→ **Excerpted records**:
= Beginning of Section =
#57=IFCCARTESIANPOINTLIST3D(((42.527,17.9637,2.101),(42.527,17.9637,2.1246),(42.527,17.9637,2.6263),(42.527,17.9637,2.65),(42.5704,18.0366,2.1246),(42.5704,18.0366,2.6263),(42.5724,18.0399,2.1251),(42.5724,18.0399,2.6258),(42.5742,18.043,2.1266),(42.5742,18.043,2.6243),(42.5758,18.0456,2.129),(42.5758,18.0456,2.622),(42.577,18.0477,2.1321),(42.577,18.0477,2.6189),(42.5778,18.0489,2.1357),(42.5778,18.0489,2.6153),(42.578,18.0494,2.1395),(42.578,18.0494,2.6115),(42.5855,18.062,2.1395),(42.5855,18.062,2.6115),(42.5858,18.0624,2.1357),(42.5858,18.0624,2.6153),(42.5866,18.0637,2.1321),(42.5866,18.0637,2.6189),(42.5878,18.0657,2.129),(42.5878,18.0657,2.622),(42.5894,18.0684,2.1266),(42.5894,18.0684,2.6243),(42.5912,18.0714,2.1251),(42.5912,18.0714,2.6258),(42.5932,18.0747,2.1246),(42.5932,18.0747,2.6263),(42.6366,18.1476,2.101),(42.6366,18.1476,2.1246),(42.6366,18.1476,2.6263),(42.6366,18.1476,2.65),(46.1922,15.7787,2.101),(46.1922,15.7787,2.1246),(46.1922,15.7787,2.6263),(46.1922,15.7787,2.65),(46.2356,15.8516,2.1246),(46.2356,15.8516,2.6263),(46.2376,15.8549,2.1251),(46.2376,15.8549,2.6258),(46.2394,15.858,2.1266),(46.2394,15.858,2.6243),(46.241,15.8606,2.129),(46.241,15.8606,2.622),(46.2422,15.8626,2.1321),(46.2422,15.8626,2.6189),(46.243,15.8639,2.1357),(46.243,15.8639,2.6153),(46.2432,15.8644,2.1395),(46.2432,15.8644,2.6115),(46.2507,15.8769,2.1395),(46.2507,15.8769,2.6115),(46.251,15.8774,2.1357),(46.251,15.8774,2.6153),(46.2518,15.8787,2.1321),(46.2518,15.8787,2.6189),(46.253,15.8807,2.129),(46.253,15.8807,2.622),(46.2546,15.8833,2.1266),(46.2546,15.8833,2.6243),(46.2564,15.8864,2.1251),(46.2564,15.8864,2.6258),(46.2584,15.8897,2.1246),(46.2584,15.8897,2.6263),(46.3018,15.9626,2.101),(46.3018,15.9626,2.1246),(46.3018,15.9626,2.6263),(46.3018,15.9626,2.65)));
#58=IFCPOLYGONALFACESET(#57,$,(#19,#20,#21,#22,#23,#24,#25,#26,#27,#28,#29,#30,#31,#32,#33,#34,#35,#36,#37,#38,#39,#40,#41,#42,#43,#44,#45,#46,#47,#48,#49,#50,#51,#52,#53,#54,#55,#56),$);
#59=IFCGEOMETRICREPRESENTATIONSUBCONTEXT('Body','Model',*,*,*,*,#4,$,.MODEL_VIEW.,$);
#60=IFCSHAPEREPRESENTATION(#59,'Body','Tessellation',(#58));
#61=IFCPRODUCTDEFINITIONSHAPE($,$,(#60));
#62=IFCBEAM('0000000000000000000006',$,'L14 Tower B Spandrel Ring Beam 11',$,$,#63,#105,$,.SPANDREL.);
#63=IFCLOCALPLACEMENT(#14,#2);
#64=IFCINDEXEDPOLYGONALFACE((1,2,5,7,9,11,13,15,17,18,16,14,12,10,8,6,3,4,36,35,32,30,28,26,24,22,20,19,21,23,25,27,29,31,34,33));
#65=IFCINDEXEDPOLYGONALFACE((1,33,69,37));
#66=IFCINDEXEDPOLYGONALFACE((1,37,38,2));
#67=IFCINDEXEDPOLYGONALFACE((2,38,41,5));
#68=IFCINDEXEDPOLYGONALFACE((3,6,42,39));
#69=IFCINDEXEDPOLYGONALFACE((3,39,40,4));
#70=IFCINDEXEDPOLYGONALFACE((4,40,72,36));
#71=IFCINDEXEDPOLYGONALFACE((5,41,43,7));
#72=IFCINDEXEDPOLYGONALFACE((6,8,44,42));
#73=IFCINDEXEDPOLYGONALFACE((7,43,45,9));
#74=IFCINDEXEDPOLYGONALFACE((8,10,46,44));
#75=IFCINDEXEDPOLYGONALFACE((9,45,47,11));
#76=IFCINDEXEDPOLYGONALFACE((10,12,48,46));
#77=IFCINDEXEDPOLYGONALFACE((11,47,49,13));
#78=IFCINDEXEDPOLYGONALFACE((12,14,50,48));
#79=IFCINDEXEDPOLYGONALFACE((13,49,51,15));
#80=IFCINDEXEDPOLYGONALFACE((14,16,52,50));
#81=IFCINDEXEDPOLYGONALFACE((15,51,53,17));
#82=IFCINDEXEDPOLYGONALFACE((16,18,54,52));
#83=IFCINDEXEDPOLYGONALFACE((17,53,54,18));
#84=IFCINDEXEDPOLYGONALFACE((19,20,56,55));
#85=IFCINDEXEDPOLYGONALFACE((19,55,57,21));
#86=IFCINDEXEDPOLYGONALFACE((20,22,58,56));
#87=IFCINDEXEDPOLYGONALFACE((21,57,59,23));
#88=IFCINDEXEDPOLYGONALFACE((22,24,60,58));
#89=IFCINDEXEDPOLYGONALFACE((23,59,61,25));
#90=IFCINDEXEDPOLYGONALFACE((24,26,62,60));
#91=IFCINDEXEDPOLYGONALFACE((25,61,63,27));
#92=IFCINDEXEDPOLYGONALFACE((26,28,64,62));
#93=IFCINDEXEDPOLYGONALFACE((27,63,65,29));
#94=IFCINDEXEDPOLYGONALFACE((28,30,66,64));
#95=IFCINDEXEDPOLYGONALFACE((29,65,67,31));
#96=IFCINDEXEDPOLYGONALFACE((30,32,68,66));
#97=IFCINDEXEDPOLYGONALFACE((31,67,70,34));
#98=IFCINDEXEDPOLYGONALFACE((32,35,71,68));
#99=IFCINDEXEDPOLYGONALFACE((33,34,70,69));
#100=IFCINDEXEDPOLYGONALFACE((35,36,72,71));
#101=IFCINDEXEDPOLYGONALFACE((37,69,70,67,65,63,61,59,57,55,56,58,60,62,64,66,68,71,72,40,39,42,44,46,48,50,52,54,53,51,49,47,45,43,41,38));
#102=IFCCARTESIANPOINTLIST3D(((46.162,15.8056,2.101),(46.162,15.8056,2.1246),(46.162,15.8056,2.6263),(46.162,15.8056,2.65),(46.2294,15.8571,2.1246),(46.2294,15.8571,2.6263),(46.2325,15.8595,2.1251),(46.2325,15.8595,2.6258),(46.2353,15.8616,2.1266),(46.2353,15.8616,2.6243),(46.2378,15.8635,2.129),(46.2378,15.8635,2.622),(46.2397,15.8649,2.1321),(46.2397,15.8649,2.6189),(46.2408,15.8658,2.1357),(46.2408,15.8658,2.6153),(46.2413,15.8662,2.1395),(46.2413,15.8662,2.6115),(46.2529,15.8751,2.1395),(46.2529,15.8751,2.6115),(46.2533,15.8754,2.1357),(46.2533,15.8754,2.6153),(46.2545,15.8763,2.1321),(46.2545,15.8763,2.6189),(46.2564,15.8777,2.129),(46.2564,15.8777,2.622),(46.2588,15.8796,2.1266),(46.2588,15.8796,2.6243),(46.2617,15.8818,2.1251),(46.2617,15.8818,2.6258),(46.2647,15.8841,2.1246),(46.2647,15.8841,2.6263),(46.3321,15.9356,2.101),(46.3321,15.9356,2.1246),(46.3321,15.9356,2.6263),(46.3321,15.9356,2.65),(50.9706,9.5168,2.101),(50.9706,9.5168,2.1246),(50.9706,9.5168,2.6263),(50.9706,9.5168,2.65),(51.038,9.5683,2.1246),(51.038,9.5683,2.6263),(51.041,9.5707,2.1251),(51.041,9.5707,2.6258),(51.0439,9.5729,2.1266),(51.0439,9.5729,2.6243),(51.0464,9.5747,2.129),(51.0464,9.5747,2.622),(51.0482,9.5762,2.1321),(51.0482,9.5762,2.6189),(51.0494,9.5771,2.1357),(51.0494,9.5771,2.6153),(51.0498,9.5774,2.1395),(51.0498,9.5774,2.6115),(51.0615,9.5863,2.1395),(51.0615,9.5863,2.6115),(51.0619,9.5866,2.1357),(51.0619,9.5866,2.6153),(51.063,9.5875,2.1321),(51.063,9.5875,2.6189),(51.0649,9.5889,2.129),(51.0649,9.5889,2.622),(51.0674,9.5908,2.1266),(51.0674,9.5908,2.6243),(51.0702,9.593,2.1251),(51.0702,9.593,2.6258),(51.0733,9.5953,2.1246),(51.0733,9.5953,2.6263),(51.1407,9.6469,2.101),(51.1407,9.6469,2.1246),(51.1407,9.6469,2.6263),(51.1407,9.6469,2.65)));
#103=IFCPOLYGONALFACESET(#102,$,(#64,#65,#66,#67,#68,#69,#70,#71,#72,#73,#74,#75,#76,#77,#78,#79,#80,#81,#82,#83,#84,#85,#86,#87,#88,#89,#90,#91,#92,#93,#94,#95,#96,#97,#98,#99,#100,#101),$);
= End of Section =
→ **About this task**: Scan the listing above for the line that has "#63=IFCLOCALPLACEMENT(#14,#2);", then copy exactly from that line through the line that has "#67=IFCINDEXEDPOLYGONALFACE((2,38,41,5));".

→ **Finished task**:
#63=IFCLOCALPLACEMENT(#14,#2);
#64=IFCINDEXEDPOLYGONALFACE((1,2,5,7,9,11,13,15,17,18,16,14,12,10,8,6,3,4,36,35,32,30,28,26,24,22,20,19,21,23,25,27,29,31,34,33));
#65=IFCINDEXEDPOLYGONALFACE((1,33,69,37));
#66=IFCINDEXEDPOLYGONALFACE((1,37,38,2));
#67=IFCINDEXEDPOLYGONALFACE((2,38,41,5));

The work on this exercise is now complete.